## PROBLEM DETAILS
The material below contains a line with "#146=IFCINDEXEDPOLYGONALFACE((1,5,6,2));" and a line with "#149=IFCINDEXEDPOLYGONALFACE((5,7,8,6));". Copy exactly those two lines and all lines between them.

EXTRACTED INFORMATION Block Start

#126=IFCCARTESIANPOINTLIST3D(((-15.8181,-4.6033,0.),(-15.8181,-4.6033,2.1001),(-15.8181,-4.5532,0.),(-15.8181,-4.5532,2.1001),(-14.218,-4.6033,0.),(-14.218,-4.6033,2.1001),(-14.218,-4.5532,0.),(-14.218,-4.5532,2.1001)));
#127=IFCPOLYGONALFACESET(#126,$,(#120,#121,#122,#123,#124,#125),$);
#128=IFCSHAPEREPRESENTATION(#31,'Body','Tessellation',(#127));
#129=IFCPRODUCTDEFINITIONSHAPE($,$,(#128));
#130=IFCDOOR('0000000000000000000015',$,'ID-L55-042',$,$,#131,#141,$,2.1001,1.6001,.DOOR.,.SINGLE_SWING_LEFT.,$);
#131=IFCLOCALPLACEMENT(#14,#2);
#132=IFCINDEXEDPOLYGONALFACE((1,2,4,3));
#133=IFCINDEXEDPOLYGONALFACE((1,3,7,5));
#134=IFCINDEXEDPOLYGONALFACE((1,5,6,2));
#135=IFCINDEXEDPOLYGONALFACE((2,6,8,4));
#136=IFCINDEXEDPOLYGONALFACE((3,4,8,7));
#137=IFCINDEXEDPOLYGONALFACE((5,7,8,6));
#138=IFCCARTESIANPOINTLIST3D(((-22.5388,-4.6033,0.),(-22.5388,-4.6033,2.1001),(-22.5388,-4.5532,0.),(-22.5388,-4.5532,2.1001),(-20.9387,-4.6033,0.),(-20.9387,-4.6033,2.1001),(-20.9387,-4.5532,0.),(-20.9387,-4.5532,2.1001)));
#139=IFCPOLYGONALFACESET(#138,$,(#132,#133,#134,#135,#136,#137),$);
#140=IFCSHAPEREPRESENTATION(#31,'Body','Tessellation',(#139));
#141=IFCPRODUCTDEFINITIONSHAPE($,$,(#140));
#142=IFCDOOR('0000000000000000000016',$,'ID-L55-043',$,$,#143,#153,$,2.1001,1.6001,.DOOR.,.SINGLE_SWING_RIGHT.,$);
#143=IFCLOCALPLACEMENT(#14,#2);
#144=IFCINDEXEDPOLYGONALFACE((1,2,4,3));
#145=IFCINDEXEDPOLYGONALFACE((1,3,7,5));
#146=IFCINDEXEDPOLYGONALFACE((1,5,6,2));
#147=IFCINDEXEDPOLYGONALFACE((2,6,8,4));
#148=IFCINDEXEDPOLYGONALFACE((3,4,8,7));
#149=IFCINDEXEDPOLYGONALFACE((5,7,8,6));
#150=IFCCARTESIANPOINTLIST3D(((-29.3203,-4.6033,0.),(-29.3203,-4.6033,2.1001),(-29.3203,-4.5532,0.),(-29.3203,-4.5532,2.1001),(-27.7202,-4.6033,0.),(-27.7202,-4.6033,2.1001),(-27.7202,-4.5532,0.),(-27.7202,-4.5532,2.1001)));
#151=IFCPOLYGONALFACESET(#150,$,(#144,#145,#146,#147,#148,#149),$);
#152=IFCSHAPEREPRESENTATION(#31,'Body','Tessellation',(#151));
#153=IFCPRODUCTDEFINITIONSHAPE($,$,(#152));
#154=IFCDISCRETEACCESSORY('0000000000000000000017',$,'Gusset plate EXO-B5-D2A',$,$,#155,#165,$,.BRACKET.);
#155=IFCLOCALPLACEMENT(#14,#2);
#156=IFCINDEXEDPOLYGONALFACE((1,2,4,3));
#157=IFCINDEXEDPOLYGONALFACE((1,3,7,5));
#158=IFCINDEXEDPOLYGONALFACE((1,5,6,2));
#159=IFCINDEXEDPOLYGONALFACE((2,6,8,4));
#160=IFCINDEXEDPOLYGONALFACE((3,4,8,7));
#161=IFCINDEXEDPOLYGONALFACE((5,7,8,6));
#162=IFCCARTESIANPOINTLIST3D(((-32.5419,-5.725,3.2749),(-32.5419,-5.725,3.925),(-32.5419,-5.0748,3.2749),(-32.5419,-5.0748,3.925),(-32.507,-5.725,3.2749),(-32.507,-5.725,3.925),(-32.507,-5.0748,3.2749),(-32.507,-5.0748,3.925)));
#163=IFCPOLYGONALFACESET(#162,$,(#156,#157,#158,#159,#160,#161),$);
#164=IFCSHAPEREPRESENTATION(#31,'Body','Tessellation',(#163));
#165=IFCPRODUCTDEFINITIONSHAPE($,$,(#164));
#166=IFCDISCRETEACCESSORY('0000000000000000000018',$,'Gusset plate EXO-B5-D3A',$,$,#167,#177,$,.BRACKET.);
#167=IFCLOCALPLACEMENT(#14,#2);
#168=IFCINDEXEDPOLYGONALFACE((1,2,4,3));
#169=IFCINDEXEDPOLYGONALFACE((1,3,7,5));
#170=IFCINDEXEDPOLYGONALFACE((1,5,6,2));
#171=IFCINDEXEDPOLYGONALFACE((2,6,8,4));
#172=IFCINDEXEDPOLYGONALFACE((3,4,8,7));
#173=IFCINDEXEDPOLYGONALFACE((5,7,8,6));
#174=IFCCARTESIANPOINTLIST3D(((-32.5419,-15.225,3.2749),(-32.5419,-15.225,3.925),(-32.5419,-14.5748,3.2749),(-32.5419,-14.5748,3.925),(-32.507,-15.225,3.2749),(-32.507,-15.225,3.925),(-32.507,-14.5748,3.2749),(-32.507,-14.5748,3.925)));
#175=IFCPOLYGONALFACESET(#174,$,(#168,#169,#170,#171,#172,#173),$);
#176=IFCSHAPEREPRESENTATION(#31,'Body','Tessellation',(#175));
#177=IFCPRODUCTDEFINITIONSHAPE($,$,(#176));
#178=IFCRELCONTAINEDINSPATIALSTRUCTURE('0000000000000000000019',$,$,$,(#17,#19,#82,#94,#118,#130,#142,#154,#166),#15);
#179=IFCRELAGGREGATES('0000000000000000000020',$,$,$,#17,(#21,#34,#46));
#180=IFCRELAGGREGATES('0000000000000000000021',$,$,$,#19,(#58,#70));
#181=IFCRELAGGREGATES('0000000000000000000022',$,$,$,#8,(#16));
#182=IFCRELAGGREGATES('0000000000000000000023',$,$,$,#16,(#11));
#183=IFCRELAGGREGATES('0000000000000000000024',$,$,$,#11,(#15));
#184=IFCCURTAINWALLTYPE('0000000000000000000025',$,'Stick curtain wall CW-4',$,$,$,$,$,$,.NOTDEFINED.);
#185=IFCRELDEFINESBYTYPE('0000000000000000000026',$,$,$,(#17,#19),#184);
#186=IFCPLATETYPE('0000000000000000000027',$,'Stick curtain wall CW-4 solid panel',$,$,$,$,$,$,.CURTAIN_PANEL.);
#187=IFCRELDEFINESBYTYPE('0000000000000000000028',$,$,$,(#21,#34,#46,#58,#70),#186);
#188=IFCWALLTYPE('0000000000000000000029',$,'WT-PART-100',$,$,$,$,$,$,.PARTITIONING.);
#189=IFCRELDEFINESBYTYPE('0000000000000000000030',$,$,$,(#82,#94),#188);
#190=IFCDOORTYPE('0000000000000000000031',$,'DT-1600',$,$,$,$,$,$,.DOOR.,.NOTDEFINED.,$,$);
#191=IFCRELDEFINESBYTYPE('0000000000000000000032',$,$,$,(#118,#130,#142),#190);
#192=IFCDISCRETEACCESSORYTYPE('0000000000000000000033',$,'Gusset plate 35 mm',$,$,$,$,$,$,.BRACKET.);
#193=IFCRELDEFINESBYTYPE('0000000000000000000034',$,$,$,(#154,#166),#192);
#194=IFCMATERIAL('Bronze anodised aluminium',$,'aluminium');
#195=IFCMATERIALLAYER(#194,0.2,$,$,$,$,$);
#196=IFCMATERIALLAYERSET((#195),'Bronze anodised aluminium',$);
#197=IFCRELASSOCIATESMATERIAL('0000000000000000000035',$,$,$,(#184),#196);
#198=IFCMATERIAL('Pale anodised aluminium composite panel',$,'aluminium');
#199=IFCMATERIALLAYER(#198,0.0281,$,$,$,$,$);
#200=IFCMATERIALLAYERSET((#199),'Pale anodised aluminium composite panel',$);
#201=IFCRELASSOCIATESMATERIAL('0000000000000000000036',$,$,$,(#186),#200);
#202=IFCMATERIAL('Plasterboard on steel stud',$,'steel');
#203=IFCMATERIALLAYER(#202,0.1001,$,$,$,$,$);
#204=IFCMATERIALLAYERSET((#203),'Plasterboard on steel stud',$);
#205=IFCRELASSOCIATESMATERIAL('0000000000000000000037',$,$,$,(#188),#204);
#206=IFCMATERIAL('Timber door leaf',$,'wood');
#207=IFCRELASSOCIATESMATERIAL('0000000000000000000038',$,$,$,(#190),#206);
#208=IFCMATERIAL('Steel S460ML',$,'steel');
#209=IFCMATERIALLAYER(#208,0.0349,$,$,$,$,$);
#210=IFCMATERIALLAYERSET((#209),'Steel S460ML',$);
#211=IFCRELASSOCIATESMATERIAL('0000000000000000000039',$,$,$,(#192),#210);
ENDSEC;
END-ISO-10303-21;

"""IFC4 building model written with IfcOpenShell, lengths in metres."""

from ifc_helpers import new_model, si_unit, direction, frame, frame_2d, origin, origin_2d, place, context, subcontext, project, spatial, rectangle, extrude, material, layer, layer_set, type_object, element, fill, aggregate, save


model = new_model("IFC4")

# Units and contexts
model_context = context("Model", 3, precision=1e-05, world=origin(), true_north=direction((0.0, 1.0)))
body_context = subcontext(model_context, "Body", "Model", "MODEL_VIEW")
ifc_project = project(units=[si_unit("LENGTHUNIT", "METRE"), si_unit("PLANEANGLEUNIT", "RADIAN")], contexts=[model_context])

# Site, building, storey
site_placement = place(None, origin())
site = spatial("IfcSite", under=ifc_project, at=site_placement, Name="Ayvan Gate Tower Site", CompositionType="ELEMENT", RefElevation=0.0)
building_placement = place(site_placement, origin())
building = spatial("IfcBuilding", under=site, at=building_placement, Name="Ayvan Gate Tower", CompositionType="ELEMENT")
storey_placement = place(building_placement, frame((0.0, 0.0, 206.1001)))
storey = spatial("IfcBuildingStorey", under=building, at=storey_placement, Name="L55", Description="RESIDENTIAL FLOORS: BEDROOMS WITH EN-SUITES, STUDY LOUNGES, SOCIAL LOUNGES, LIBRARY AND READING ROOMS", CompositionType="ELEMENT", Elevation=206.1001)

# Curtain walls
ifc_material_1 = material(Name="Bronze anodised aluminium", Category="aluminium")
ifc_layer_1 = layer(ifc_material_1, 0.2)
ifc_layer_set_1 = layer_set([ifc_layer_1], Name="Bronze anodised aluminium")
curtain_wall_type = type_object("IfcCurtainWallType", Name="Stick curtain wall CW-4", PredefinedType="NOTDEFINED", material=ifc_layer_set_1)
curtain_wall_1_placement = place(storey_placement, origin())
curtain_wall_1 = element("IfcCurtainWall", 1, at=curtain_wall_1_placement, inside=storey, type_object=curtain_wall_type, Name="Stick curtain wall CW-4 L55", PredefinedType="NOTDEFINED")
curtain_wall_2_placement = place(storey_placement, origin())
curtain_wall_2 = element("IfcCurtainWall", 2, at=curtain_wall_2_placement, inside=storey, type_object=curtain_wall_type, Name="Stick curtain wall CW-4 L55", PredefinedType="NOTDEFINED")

EXTRACTED INFORMATION Block End

## YOUR RESPONSE
#146=IFCINDEXEDPOLYGONALFACE((1,5,6,2));
#147=IFCINDEXEDPOLYGONALFACE((2,6,8,4));
#148=IFCINDEXEDPOLYGONALFACE((3,4,8,7));
#149=IFCINDEXEDPOLYGONALFACE((5,7,8,6));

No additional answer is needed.